SUPPLIED MATERIAL START

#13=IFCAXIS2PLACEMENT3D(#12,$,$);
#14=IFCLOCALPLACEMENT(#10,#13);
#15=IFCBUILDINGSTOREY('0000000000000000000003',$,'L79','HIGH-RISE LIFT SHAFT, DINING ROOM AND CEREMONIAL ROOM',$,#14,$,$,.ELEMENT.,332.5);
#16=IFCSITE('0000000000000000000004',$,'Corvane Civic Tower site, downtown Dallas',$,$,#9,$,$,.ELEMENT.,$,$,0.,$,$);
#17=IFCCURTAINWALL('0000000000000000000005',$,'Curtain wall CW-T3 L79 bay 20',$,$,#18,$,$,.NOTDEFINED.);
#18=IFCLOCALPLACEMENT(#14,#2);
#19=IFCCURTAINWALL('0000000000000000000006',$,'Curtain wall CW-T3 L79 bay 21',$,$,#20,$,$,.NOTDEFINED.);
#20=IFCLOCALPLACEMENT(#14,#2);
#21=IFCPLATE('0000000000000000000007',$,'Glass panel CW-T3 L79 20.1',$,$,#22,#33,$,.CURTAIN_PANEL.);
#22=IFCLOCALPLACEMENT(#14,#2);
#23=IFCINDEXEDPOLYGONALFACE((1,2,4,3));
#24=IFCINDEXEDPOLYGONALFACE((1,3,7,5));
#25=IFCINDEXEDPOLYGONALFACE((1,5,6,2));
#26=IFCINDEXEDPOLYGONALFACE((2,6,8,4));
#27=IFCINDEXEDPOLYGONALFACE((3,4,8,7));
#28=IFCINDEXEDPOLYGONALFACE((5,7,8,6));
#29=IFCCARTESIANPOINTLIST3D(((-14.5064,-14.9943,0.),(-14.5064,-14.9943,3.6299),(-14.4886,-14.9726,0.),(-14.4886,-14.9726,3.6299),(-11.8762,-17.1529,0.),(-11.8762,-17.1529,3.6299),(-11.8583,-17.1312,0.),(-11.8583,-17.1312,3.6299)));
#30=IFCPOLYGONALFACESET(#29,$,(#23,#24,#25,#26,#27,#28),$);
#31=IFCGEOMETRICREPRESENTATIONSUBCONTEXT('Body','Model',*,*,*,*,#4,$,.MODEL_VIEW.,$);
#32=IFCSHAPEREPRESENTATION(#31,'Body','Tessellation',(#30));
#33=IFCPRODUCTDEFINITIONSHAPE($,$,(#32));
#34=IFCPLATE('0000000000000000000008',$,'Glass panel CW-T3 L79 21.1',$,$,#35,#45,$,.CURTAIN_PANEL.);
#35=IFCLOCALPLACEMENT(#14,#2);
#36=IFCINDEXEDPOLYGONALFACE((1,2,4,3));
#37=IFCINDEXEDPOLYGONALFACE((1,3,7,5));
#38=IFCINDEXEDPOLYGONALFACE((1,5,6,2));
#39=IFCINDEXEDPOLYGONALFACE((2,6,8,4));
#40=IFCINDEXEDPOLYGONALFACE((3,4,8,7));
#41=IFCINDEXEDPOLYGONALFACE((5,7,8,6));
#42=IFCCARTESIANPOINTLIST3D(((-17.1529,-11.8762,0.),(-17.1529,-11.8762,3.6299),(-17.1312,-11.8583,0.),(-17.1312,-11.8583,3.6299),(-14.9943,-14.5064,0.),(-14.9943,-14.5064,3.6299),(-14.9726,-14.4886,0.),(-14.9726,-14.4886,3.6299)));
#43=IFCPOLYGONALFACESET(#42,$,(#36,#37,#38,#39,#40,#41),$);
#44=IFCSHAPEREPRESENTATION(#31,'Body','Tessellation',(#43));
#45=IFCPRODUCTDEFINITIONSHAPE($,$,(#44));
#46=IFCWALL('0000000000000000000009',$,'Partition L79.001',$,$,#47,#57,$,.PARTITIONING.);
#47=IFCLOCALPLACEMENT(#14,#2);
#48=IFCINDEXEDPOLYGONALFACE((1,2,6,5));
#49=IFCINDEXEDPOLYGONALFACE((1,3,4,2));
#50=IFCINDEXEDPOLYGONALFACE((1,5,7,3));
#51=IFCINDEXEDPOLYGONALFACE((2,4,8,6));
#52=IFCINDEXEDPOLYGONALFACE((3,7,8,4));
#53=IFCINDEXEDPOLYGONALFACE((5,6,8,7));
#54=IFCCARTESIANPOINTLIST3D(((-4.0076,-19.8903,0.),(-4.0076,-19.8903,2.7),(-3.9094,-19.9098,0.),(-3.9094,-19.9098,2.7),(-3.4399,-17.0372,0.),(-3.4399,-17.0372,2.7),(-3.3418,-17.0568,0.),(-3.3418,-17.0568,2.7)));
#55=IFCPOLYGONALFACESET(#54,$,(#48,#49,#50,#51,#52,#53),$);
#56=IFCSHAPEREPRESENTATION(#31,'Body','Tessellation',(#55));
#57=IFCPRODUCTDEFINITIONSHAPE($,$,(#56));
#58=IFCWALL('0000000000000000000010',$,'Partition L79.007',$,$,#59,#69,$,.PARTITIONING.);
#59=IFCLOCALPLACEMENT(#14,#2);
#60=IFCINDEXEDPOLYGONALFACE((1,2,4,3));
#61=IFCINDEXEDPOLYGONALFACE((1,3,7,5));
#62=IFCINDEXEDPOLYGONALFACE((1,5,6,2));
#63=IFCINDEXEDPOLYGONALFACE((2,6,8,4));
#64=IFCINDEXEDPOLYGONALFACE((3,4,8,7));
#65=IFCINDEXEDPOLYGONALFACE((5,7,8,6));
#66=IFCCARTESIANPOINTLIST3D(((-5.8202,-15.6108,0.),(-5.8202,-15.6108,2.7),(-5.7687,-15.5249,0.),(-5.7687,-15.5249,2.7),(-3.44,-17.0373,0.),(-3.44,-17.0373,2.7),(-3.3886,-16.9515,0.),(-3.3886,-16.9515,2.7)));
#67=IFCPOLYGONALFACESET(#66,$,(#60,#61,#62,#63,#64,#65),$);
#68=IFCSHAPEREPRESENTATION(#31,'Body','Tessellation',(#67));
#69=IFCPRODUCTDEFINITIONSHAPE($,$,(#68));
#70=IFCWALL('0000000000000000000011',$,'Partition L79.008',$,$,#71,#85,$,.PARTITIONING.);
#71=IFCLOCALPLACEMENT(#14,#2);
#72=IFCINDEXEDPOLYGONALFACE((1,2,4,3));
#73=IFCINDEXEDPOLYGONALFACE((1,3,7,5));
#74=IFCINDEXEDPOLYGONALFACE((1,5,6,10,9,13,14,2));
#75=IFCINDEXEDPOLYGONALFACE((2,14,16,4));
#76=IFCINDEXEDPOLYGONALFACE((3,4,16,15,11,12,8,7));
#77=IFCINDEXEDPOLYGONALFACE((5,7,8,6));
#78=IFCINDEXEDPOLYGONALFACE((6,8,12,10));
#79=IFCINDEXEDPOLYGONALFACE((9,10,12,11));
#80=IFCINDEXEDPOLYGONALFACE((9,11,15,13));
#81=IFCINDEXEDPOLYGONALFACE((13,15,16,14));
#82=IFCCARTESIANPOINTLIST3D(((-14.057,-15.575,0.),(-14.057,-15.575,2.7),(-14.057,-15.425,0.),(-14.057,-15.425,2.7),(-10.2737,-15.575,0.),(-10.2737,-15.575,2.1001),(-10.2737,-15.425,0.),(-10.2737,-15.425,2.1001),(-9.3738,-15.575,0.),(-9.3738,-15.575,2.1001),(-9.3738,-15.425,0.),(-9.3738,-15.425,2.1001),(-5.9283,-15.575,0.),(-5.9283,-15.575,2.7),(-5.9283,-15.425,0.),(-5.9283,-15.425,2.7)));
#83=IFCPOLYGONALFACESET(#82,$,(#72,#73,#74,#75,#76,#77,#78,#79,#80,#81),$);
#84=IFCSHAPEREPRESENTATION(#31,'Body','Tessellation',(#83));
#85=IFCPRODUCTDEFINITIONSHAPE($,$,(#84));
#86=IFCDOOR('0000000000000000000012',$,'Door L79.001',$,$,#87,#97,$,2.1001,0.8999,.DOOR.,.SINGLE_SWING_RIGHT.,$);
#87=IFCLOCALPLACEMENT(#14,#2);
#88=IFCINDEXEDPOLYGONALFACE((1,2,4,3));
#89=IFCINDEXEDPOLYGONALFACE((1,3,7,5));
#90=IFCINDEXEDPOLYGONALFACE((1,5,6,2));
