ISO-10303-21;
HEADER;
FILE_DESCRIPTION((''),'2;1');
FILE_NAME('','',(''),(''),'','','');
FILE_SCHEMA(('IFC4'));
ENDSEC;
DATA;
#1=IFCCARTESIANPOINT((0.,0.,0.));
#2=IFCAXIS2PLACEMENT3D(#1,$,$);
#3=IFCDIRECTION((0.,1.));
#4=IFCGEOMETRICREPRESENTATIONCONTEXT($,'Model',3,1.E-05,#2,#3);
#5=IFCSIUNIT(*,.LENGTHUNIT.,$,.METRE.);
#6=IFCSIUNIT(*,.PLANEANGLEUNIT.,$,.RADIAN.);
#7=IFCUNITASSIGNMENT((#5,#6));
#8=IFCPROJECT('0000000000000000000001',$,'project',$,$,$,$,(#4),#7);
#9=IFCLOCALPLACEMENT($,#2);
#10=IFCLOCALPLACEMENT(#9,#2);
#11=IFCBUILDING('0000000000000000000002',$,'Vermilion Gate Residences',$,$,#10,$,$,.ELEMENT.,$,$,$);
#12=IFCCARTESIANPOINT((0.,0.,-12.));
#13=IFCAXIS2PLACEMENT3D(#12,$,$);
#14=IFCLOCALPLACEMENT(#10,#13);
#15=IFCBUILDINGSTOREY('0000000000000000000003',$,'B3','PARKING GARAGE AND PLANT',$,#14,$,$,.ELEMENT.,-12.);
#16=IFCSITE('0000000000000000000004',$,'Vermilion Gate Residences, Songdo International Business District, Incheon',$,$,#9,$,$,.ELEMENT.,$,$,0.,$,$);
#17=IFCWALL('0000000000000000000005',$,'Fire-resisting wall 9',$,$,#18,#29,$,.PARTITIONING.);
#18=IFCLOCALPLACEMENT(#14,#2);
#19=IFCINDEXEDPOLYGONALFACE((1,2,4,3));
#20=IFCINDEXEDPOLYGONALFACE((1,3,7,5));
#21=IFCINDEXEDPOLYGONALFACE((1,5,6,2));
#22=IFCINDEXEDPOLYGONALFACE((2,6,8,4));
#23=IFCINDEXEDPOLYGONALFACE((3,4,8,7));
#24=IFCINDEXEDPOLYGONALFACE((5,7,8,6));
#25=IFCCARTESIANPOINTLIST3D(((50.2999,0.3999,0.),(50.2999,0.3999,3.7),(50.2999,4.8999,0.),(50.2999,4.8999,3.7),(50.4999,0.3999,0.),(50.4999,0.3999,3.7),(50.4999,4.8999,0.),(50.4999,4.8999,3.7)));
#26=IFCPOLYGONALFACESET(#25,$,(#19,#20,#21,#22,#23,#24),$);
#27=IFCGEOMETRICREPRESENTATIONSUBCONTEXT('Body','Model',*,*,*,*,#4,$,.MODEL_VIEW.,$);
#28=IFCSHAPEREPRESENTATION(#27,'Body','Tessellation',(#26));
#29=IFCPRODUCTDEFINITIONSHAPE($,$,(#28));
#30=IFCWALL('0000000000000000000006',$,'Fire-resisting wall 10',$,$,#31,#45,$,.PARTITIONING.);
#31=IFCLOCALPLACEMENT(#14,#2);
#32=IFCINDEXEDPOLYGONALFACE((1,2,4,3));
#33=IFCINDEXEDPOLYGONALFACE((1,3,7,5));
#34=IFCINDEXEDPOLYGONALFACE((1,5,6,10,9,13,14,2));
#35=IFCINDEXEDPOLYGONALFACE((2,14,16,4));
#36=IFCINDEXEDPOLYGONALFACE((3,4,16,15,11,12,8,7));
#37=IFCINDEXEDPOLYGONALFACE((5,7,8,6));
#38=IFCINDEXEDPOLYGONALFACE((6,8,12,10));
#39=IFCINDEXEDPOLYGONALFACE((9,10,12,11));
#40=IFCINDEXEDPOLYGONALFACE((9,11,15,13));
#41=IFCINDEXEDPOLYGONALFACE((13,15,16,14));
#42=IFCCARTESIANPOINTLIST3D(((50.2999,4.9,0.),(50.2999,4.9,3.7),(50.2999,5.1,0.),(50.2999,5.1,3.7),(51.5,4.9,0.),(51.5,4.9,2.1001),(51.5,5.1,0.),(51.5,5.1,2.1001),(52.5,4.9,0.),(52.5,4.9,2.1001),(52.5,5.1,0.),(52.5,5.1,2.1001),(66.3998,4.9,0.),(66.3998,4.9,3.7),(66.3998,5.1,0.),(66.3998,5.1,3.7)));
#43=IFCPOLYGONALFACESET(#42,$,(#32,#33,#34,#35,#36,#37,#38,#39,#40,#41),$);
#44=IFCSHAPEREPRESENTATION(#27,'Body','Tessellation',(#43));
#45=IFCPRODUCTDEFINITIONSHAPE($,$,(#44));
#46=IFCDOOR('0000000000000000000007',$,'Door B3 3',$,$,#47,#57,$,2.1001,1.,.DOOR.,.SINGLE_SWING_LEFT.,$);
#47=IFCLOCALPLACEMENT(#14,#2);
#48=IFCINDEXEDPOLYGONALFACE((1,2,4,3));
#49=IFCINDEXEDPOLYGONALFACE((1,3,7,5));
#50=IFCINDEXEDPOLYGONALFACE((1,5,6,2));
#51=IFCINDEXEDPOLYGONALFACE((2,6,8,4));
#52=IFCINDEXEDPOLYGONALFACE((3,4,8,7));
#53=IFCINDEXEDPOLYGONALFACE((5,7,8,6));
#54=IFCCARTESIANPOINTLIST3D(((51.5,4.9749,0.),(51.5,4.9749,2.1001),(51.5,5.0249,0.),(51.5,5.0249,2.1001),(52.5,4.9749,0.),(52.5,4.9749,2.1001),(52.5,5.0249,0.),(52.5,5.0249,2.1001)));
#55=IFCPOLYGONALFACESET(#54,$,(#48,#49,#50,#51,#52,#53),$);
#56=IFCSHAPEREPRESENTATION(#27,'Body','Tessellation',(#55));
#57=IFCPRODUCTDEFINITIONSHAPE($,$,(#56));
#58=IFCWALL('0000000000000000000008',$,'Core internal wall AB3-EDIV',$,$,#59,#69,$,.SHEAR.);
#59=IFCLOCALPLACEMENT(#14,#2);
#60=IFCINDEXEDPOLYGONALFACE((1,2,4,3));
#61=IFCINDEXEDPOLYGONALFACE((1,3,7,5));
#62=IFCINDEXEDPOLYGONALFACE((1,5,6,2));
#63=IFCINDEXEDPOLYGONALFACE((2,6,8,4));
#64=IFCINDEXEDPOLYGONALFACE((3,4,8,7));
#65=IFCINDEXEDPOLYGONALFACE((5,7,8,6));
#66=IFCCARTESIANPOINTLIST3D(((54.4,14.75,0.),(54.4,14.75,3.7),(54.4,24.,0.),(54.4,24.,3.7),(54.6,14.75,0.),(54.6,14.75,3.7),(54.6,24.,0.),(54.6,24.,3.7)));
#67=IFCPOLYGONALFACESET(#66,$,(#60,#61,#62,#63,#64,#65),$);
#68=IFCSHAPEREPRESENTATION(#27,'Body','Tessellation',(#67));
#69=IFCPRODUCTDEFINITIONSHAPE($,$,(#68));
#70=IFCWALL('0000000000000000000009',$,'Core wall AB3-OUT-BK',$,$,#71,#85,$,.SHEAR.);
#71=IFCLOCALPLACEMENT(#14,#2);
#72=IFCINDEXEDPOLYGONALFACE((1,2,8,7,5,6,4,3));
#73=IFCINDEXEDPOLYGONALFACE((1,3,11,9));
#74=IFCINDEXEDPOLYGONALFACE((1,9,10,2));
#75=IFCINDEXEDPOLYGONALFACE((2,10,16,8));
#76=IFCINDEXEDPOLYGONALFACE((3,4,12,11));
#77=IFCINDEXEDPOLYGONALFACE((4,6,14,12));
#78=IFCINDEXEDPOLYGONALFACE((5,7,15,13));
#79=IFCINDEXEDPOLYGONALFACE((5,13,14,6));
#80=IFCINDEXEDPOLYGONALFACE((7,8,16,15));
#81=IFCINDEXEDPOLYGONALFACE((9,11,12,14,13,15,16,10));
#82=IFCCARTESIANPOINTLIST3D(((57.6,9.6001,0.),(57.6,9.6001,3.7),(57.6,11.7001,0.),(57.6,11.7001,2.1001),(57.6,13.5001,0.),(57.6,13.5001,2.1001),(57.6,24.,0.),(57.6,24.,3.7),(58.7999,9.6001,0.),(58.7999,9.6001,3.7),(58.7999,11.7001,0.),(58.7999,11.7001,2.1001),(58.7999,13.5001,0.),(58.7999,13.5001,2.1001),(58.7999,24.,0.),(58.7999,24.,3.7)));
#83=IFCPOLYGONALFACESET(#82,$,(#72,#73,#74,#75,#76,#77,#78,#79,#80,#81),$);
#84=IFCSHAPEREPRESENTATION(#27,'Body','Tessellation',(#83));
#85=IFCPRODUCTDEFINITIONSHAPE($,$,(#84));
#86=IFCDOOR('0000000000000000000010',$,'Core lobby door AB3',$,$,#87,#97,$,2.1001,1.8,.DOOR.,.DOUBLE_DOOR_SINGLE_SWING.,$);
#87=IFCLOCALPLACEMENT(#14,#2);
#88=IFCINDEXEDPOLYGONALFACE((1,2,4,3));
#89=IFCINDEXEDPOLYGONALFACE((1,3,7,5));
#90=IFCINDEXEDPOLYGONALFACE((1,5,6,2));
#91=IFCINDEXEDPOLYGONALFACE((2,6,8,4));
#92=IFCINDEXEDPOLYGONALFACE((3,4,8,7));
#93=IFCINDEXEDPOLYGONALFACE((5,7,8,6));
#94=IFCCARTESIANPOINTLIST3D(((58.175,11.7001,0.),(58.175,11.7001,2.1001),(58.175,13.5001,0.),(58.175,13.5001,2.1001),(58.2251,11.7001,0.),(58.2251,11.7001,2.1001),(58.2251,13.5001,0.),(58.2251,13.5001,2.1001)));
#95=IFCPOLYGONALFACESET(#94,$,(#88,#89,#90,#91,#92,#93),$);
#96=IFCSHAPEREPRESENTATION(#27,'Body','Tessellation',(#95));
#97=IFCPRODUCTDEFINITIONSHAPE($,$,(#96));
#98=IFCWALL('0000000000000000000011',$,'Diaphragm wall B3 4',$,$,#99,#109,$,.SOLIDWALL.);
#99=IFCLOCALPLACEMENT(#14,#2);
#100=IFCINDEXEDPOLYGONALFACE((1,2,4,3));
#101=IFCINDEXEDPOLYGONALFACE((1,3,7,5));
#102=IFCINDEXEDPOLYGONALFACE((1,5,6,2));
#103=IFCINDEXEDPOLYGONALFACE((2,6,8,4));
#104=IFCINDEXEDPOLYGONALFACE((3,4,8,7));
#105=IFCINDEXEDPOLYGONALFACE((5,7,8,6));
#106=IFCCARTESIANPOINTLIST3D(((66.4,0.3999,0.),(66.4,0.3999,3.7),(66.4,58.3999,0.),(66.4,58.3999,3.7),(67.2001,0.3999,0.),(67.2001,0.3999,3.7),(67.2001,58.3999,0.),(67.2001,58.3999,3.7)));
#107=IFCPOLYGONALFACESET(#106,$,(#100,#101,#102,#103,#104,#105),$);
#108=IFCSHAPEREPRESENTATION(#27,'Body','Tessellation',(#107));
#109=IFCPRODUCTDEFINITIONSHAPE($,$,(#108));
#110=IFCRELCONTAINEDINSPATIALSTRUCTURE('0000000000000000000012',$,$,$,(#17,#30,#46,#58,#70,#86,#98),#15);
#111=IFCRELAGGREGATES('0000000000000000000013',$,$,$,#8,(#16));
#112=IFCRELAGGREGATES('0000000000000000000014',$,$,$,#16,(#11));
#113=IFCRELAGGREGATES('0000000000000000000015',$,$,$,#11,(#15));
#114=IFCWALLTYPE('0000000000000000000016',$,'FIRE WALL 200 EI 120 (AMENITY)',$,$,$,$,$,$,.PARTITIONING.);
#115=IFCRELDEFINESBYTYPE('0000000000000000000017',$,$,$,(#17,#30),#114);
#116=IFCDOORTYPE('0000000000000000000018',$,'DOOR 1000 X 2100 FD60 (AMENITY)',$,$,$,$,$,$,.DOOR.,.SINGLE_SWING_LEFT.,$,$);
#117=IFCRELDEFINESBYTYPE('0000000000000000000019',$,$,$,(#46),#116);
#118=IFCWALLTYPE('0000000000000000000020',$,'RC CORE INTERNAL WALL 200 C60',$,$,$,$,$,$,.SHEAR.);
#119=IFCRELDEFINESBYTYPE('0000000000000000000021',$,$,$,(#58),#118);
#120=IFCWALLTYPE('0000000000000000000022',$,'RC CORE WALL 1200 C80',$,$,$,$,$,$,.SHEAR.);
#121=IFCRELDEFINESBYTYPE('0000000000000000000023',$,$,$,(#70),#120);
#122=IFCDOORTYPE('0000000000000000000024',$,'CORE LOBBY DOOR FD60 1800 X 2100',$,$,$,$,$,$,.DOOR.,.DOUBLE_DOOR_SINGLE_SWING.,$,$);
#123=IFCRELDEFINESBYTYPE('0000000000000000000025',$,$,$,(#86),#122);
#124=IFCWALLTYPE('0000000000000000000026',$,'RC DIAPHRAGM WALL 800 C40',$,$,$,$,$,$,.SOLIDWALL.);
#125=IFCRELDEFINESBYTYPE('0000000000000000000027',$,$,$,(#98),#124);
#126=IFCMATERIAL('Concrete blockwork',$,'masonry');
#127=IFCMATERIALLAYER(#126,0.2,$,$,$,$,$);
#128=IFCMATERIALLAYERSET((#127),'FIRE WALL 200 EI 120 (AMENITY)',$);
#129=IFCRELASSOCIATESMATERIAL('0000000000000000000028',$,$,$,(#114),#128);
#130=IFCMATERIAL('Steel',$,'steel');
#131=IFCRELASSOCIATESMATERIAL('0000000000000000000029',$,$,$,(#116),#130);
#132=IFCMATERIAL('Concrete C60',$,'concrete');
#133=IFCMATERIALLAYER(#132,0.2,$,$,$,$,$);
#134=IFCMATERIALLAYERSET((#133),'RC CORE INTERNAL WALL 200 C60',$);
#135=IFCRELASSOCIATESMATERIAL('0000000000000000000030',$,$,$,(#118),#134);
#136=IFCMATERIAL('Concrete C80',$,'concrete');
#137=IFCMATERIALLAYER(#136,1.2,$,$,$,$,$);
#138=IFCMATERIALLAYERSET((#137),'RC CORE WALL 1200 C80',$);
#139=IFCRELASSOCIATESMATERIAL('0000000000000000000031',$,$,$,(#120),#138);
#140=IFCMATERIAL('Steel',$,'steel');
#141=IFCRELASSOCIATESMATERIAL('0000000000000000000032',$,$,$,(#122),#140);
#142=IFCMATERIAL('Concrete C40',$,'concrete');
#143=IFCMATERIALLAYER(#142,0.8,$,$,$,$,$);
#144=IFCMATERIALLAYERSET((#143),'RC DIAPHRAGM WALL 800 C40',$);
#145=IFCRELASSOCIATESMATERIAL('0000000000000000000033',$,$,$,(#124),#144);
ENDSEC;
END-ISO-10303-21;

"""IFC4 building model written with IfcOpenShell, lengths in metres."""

from ifc_helpers import new_model, si_unit, direction, frame, frame_2d, origin, place, context, subcontext, project, spatial, rectangle, extrude, material, layer, layer_set, type_object, element, fill, save


model = new_model("IFC4")

# Units and contexts
model_context = context("Model", 3, precision=1e-05, world=origin(), true_north=direction((0.0, 1.0)))
body_context = subcontext(model_context, "Body", "Model", "MODEL_VIEW")
ifc_project = project(units=[si_unit("LENGTHUNIT", "METRE"), si_unit("PLANEANGLEUNIT", "RADIAN")], contexts=[model_context])

# Site, building, storey
site_placement = place(None, origin())
site = spatial("IfcSite", under=ifc_project, at=site_placement, Name="Vermilion Gate Residences, Songdo International Business District, Incheon", CompositionType="ELEMENT", RefElevation=0.0)
building_placement = place(site_placement, origin())
building = spatial("IfcBuilding", under=site, at=building_placement, Name="Vermilion Gate Residences", CompositionType="ELEMENT")
storey_placement = place(building_placement, frame((0.0, 0.0, -12.0)))
storey = spatial("IfcBuildingStorey", under=building, at=storey_placement, Name="B3", Description="PARKING GARAGE AND PLANT", CompositionType="ELEMENT", Elevation=-12.0)

# Wall
ifc_material_1 = material(Name="Concrete blockwork", Category="masonry")
ifc_layer_1 = layer(ifc_material_1, 0.2)
ifc_layer_set_1 = layer_set([ifc_layer_1], Name="FIRE WALL 200 EI 120 (AMENITY)")
wall_type_1 = type_object("IfcWallType", Name="FIRE WALL 200 EI 120 (AMENITY)", PredefinedType="PARTITIONING", material=ifc_layer_set_1)
wall_1_placement = place(storey_placement, frame((50.3999, 0.3999, 0.0), z_axis=(0.0, 0.0, 1.0), x_axis=(0.0, 1.0, 0.0)))
element("IfcWall", 1, at=wall_1_placement, inside=storey, type_object=wall_type_1, Name="Fire-resisting wall 9", PredefinedType="PARTITIONING", context=body_context, shape_type="SweptSolid", body=[
    extrude(rectangle(XDim=4.5, YDim=0.2, at=frame_2d((2.25, 0.0))), origin(), (0.0, 0.0, 1.0), 3.7),
])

SUPPLIED MATERIAL END

> [WHAT IS NEEDED]:
After locating the line holding "#80=IFCINDEXEDPOLYGONALFACE((7,8,16,15));" above, output exactly that line and every line after it through the line holding "#81=IFCINDEXEDPOLYGONALFACE((9,11,12,14,13,15,16,10));". Include nothing else.

> [OUTPUT OF THE TASK]:
#80=IFCINDEXEDPOLYGONALFACE((7,8,16,15));
#81=IFCINDEXEDPOLYGONALFACE((9,11,12,14,13,15,16,10));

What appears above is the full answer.